_Required action_: Go line by line through the entries below and count those containing the string "inside"; give only the count.

--- Data listing Enclosed Below ---

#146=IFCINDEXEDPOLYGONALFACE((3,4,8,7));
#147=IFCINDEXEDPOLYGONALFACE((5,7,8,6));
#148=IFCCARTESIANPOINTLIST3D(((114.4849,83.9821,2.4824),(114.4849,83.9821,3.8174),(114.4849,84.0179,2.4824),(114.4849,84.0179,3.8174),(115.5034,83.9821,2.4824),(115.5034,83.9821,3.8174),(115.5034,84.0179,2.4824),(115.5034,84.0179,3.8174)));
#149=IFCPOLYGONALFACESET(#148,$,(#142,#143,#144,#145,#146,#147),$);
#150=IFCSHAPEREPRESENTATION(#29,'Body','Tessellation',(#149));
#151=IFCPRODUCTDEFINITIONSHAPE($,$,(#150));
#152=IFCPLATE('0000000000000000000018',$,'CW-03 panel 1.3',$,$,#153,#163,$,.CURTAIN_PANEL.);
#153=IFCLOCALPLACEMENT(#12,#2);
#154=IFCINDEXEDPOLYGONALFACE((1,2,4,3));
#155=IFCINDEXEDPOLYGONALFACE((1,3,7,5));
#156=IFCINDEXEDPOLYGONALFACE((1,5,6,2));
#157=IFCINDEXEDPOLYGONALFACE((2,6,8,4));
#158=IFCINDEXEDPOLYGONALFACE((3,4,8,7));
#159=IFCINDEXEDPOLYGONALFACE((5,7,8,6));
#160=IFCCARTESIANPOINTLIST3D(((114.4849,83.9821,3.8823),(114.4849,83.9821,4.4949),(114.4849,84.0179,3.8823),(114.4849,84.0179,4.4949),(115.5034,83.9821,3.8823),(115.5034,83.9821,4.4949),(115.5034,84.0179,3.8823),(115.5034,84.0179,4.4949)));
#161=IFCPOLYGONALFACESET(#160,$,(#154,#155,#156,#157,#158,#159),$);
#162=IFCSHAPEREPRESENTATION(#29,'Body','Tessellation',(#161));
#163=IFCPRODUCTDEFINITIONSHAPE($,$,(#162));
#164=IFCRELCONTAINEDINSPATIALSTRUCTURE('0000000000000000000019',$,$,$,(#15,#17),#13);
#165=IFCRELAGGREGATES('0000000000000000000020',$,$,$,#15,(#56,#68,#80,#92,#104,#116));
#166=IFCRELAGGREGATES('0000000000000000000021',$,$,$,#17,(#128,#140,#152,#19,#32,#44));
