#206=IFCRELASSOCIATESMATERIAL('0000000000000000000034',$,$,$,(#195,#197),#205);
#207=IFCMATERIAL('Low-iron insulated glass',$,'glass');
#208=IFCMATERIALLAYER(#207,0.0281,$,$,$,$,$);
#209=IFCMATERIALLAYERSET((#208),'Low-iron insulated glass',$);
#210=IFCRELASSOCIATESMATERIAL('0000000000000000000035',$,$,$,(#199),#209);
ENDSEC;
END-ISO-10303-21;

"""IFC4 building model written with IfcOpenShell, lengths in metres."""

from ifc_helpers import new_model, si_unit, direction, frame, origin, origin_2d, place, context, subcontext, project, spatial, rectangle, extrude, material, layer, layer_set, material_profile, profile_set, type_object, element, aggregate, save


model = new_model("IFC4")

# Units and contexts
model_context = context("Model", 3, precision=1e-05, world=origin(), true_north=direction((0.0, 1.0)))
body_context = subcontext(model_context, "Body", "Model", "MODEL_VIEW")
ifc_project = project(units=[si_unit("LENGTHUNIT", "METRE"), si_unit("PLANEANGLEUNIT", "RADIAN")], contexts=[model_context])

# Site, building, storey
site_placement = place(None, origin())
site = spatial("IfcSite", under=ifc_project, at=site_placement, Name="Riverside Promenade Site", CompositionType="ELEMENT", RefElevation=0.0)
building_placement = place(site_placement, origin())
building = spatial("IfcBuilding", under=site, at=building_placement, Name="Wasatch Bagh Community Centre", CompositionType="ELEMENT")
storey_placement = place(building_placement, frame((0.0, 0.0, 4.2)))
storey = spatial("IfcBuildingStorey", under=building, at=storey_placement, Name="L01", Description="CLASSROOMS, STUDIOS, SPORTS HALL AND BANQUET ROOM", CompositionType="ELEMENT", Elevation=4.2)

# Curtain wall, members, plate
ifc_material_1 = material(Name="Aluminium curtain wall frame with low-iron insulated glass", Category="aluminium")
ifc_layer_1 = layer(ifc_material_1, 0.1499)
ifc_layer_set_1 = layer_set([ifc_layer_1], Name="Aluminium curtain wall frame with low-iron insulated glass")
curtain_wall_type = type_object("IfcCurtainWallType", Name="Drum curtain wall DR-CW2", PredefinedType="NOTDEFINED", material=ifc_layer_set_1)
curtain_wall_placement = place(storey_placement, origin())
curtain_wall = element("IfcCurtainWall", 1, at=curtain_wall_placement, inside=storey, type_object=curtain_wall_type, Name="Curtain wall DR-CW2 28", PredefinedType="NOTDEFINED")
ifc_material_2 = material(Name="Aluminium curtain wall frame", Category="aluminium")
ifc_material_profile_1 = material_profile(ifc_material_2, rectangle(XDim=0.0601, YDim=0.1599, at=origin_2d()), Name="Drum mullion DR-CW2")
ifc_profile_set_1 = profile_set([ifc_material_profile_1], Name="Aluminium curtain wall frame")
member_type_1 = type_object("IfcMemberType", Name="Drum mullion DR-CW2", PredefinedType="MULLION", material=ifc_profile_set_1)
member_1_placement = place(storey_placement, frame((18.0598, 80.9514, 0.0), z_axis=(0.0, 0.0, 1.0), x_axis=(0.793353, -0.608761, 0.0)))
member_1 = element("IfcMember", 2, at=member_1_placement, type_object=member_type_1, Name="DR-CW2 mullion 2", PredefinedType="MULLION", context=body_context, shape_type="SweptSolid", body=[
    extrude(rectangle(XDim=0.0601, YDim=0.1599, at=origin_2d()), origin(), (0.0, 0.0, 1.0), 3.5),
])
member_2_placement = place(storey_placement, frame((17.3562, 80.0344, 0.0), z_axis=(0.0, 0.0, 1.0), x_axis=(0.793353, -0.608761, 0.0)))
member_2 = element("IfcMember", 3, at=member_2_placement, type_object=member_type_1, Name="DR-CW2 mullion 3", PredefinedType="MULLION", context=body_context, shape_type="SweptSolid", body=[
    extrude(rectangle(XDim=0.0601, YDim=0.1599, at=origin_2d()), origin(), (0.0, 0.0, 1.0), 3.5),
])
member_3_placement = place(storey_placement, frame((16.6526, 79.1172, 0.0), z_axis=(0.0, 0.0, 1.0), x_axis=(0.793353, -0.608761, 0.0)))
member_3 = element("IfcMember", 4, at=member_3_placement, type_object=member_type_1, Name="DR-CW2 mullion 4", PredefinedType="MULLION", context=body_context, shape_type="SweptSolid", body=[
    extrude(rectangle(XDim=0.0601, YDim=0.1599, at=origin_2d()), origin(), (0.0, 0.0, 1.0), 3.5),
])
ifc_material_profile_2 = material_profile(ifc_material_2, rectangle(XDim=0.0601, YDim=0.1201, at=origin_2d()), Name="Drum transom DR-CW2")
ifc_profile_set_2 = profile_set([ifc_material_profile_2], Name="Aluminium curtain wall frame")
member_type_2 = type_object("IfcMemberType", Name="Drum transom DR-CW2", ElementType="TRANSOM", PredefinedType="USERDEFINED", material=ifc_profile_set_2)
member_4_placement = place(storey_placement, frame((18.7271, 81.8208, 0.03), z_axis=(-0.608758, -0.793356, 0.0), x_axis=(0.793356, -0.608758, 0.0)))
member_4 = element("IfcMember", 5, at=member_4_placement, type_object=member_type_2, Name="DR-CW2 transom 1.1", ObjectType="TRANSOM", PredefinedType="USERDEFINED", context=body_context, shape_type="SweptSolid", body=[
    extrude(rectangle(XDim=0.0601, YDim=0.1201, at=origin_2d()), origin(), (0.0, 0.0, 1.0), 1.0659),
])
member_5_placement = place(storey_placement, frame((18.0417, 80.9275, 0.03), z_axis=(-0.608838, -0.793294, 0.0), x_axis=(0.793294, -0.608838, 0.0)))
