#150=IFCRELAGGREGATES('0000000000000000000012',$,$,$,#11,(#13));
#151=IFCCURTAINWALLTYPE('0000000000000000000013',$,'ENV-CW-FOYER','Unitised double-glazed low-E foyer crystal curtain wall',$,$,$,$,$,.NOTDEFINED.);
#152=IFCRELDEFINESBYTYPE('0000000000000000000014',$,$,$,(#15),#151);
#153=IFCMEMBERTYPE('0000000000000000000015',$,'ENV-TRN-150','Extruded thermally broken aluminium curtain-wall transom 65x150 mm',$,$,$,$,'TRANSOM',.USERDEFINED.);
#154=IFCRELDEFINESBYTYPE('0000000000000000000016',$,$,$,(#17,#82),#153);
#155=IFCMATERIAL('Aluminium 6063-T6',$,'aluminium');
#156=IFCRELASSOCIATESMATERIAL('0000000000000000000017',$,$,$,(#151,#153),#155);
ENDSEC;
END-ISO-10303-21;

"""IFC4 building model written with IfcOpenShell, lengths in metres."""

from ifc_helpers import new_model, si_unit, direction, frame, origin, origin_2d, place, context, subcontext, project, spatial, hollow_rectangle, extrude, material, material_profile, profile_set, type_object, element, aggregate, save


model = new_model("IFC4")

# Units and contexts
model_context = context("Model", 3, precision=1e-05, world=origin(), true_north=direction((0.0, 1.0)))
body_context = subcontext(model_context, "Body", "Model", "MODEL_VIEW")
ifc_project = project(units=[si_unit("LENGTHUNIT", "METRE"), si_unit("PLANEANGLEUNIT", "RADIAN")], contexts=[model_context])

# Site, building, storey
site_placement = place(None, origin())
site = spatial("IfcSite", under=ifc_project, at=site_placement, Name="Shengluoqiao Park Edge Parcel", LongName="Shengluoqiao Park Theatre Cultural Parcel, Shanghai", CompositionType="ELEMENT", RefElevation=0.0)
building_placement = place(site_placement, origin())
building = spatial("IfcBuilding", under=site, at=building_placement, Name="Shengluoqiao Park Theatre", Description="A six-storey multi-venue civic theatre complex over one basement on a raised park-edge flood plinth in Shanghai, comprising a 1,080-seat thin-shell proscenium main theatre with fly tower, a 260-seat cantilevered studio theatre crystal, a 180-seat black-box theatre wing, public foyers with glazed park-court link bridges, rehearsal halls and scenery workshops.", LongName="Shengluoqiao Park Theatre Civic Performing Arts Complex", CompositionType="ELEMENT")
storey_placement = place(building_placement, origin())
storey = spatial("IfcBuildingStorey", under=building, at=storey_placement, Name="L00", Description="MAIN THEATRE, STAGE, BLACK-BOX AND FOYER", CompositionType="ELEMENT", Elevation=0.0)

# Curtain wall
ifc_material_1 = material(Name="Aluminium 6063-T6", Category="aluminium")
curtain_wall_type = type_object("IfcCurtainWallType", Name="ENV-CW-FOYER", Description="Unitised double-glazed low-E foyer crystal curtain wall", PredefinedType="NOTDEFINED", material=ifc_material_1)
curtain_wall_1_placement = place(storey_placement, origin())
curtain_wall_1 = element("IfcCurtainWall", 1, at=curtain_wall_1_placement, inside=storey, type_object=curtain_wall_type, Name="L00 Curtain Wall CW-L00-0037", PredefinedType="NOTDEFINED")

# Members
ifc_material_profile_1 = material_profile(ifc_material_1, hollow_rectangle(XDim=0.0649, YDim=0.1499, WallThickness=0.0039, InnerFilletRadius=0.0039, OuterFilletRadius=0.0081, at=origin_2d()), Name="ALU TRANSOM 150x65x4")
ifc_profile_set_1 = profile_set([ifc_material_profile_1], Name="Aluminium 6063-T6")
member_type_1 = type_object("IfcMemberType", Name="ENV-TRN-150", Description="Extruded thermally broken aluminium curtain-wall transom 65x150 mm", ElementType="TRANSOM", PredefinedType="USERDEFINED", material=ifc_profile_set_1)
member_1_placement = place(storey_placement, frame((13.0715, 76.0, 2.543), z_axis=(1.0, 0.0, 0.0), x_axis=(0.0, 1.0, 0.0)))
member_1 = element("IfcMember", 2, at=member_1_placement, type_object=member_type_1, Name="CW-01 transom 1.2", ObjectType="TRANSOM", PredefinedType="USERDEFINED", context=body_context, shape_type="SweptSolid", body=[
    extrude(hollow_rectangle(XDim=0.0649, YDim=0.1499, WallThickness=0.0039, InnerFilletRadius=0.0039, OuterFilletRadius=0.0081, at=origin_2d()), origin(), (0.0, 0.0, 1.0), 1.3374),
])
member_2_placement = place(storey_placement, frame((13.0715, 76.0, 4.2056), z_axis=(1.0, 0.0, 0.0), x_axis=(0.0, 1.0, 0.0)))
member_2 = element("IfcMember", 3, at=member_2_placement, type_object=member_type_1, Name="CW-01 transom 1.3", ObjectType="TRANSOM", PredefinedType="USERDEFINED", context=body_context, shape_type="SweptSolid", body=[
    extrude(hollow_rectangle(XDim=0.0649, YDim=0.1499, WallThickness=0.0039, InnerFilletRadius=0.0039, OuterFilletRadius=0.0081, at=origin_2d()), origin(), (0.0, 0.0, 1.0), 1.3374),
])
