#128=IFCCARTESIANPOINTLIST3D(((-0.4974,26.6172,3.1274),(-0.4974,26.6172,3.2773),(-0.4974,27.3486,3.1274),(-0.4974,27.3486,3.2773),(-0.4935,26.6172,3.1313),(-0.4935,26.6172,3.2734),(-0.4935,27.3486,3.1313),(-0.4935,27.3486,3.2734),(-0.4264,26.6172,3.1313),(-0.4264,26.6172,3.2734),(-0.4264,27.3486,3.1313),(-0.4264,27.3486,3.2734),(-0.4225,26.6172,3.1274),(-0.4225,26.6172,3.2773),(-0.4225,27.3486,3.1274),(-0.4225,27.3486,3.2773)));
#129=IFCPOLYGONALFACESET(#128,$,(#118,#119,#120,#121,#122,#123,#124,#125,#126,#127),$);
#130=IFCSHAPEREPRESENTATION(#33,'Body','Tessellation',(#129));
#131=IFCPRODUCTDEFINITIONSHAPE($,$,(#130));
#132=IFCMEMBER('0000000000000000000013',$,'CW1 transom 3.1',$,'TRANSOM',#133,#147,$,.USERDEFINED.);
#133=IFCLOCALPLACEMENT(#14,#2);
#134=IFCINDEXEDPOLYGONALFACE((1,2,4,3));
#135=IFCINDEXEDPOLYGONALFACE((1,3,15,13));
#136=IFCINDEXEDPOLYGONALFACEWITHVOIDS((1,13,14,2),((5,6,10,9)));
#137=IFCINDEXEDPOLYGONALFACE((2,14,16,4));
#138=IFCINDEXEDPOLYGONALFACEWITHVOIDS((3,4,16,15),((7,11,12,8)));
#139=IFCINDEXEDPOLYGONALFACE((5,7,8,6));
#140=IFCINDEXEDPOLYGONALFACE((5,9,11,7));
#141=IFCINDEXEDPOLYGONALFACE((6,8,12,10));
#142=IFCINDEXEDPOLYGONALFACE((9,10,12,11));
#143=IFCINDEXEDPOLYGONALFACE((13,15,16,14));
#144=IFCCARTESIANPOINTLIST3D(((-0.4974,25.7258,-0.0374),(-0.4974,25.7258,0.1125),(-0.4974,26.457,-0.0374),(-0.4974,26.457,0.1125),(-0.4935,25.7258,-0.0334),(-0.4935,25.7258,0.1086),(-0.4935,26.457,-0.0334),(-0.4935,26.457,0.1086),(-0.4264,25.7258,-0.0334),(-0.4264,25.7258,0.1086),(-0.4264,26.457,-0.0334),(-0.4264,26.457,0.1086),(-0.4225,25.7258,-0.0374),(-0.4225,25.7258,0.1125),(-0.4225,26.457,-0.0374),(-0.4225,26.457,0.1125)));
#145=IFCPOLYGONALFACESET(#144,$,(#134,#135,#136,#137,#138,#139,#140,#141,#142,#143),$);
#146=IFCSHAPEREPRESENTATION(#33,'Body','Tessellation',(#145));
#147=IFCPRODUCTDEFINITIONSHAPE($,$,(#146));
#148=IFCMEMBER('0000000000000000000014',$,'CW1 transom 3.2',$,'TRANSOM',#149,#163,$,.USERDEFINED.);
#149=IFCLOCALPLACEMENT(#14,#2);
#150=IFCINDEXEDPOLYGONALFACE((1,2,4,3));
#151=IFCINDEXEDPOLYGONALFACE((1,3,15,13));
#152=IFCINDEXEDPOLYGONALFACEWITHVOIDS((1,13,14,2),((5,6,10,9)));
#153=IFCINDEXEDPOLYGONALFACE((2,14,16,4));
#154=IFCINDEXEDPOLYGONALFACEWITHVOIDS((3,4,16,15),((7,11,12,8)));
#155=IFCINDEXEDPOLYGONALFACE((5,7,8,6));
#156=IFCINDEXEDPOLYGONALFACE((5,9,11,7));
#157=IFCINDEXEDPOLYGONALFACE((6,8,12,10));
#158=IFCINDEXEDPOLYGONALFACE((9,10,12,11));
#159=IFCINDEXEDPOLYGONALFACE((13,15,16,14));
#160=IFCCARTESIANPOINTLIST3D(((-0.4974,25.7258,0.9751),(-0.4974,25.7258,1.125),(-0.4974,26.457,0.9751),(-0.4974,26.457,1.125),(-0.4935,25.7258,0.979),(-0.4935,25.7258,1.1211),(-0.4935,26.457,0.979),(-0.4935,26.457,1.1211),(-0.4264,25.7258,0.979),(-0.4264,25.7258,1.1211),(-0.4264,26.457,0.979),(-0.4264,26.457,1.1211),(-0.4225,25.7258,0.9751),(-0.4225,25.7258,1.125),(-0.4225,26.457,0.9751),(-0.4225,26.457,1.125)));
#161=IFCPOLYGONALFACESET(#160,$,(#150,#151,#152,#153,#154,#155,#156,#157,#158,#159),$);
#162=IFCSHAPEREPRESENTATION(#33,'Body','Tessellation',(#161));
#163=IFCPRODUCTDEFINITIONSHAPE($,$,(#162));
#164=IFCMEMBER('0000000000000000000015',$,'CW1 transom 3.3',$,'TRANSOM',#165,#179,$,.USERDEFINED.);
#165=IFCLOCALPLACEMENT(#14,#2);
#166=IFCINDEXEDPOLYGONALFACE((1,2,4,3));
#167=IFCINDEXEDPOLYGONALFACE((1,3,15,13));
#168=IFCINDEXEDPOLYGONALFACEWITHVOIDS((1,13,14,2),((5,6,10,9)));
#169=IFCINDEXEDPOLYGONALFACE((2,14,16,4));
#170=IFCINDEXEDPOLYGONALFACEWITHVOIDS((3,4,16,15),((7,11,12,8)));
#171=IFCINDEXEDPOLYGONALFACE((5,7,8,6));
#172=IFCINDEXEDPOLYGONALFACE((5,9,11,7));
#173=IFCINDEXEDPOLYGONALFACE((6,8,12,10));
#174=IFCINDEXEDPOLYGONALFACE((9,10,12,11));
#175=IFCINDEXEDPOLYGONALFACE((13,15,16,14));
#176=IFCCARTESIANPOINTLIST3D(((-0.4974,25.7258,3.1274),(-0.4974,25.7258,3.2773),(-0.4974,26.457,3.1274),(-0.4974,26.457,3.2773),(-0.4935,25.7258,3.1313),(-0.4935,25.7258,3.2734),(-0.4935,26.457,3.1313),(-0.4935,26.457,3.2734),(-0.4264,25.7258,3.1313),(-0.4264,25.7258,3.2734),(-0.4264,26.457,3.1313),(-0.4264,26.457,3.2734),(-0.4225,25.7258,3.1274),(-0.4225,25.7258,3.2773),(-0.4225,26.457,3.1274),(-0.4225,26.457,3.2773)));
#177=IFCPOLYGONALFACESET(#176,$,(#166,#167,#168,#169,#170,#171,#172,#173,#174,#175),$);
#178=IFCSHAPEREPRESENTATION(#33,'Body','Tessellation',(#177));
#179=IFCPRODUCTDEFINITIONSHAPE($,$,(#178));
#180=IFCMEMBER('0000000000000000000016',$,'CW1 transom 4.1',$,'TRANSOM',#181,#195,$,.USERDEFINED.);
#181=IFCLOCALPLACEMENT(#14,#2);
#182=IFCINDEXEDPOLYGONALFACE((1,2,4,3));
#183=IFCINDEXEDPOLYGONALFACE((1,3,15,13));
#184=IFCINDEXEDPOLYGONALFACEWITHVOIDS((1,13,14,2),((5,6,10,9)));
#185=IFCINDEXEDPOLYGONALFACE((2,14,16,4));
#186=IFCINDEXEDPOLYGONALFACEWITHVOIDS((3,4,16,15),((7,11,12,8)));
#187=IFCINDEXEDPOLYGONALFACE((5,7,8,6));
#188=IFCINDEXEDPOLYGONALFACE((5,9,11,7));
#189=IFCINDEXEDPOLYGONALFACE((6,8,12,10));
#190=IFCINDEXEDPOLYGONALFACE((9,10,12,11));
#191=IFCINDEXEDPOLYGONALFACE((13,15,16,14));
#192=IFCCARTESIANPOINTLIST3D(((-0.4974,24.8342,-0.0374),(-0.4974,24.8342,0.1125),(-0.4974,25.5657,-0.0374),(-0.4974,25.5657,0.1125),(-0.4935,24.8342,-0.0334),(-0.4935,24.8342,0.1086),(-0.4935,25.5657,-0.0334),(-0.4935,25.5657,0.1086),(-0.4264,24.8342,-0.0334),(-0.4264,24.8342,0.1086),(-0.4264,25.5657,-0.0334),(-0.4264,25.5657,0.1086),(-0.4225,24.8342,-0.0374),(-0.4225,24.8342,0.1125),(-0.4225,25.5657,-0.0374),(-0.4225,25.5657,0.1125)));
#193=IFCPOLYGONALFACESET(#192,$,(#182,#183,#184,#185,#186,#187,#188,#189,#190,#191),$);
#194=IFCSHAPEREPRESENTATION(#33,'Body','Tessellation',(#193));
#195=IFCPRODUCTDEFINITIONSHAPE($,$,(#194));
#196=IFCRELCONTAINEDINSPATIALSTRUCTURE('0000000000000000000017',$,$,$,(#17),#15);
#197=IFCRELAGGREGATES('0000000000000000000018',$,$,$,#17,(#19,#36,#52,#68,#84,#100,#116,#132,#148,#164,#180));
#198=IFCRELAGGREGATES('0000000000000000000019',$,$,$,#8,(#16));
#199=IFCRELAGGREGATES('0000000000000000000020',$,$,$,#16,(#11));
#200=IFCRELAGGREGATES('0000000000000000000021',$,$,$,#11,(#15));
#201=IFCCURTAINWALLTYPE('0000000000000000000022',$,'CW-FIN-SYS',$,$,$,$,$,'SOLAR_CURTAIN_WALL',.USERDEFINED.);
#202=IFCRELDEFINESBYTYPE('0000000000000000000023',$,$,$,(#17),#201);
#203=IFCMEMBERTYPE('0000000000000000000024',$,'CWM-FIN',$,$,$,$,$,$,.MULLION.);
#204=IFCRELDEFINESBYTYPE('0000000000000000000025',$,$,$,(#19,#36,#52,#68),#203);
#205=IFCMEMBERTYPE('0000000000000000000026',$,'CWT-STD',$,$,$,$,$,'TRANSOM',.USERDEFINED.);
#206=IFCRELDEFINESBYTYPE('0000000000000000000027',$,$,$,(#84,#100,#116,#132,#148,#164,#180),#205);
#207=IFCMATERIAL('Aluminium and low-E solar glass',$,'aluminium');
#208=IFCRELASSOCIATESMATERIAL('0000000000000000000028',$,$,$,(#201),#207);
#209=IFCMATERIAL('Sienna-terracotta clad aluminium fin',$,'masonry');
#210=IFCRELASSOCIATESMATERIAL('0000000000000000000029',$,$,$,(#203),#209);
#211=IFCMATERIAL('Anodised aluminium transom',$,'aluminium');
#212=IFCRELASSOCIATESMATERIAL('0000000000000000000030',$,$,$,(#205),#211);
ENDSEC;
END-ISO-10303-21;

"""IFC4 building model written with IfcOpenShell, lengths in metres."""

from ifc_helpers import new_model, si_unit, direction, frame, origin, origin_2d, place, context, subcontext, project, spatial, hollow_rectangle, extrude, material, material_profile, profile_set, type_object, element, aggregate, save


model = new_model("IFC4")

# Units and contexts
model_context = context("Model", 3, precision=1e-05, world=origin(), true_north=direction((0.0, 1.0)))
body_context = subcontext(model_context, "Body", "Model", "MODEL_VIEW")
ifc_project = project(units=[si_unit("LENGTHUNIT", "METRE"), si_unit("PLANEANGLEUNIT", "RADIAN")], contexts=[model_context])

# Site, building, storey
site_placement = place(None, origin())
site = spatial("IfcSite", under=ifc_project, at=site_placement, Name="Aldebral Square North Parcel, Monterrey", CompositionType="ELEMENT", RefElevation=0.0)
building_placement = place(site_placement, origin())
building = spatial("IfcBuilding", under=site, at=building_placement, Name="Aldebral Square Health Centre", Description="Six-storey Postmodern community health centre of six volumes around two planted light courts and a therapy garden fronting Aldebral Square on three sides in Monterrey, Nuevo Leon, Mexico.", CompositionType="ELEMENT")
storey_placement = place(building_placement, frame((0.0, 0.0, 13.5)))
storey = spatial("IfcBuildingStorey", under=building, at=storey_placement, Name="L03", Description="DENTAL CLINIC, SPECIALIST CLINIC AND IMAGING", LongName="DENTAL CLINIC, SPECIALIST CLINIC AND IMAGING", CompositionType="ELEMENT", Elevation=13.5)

--- End of Enclosed Data listing ---

_Response to the exercise_: 2